Exercise directions: Below are the records; copy exactly the stretch from the line containing "END-ISO-10303-21;" through the line containing "from ifc_helpers import", both ends included, and nothing else.

BEGIN Data for analysis

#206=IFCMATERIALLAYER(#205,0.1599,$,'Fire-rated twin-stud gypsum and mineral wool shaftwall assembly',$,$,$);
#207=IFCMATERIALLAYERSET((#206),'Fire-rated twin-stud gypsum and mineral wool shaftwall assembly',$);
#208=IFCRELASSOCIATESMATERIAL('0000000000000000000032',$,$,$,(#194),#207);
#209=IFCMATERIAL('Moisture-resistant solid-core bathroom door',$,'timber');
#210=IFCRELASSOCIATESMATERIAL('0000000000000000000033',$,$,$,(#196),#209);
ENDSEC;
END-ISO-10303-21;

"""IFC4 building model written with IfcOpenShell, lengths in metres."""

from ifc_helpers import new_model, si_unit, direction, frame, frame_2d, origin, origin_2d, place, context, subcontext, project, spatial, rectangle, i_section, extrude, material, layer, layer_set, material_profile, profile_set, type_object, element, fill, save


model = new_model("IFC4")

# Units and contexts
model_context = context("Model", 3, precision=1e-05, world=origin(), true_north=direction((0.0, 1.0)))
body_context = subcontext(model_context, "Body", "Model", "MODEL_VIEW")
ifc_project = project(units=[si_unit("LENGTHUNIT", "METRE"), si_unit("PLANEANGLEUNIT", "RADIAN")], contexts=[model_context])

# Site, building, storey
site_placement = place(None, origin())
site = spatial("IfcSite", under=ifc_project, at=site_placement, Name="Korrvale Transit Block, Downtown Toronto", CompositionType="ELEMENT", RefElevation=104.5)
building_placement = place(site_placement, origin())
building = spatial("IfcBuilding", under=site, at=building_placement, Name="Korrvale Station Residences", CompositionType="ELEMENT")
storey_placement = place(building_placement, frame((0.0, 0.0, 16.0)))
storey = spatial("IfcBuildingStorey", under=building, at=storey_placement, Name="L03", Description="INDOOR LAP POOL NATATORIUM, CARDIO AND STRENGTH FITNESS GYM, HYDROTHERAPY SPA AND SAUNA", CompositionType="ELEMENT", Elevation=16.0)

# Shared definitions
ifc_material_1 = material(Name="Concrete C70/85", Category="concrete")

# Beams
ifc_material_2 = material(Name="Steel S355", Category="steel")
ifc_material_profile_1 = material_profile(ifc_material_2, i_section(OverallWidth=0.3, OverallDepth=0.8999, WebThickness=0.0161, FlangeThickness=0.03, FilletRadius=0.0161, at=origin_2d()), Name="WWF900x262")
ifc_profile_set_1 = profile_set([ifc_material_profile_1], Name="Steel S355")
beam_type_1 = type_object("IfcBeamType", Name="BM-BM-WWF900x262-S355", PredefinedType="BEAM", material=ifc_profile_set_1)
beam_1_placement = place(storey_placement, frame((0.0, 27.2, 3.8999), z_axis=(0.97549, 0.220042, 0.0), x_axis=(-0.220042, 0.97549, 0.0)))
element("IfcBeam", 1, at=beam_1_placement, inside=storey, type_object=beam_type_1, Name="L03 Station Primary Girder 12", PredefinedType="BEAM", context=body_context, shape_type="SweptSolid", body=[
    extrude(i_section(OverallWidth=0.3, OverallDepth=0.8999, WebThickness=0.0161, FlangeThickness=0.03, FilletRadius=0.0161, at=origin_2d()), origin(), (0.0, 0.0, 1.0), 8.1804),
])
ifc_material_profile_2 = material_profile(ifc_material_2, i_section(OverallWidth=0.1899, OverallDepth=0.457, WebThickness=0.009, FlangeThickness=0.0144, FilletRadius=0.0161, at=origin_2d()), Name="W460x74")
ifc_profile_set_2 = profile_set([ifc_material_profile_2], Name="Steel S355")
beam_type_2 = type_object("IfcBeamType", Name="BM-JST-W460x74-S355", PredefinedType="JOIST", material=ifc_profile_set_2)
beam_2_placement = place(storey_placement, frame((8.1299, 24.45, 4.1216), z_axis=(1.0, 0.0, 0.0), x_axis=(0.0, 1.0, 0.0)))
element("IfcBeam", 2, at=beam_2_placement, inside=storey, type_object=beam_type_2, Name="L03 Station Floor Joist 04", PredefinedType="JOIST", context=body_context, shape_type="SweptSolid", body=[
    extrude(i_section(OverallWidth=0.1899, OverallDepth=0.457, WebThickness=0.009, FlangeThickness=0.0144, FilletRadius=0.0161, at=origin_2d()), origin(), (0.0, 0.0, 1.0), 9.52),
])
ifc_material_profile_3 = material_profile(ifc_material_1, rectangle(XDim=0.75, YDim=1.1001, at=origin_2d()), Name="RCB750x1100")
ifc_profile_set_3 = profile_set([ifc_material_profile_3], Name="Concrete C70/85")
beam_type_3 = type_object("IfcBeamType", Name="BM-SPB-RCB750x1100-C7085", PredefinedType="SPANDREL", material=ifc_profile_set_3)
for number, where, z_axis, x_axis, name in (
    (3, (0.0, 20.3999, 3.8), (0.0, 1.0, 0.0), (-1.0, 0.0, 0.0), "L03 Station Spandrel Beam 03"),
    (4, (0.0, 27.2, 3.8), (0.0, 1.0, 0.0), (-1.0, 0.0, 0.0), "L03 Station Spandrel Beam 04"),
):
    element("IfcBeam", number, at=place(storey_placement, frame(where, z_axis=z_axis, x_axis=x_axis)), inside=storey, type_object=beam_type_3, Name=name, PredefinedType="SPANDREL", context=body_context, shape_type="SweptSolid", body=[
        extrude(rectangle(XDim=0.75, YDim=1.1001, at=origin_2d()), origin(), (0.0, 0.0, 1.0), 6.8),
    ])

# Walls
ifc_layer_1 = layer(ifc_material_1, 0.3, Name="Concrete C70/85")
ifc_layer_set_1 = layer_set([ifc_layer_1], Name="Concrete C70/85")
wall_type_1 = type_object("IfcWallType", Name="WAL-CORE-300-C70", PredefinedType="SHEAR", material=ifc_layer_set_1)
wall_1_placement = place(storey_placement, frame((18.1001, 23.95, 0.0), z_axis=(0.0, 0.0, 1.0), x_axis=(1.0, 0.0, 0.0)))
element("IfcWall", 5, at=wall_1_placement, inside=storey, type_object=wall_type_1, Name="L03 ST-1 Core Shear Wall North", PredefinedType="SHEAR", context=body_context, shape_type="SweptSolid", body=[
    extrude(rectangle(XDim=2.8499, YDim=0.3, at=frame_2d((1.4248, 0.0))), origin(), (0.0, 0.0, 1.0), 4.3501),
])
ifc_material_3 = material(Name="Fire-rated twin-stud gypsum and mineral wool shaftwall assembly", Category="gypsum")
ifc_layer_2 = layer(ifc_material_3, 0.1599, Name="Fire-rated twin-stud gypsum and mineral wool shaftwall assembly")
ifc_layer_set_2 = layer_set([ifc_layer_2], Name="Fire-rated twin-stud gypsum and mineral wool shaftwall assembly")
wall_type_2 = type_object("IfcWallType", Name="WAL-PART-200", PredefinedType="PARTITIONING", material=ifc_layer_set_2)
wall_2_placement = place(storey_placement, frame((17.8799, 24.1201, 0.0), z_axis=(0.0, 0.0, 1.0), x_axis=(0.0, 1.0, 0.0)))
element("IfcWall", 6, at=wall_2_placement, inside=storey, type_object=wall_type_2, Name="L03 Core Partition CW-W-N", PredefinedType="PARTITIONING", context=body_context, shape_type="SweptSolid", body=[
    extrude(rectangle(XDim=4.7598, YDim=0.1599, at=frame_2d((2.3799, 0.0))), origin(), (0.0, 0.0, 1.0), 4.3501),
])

END Data for analysis

Task response:
END-ISO-10303-21;

"""IFC4 building model written with IfcOpenShell, lengths in metres."""

from ifc_helpers import new_model, si_unit, direction, frame, frame_2d, origin, origin_2d, place, context, subcontext, project, spatial, rectangle, i_section, extrude, material, layer, layer_set, material_profile, profile_set, type_object, element, fill, save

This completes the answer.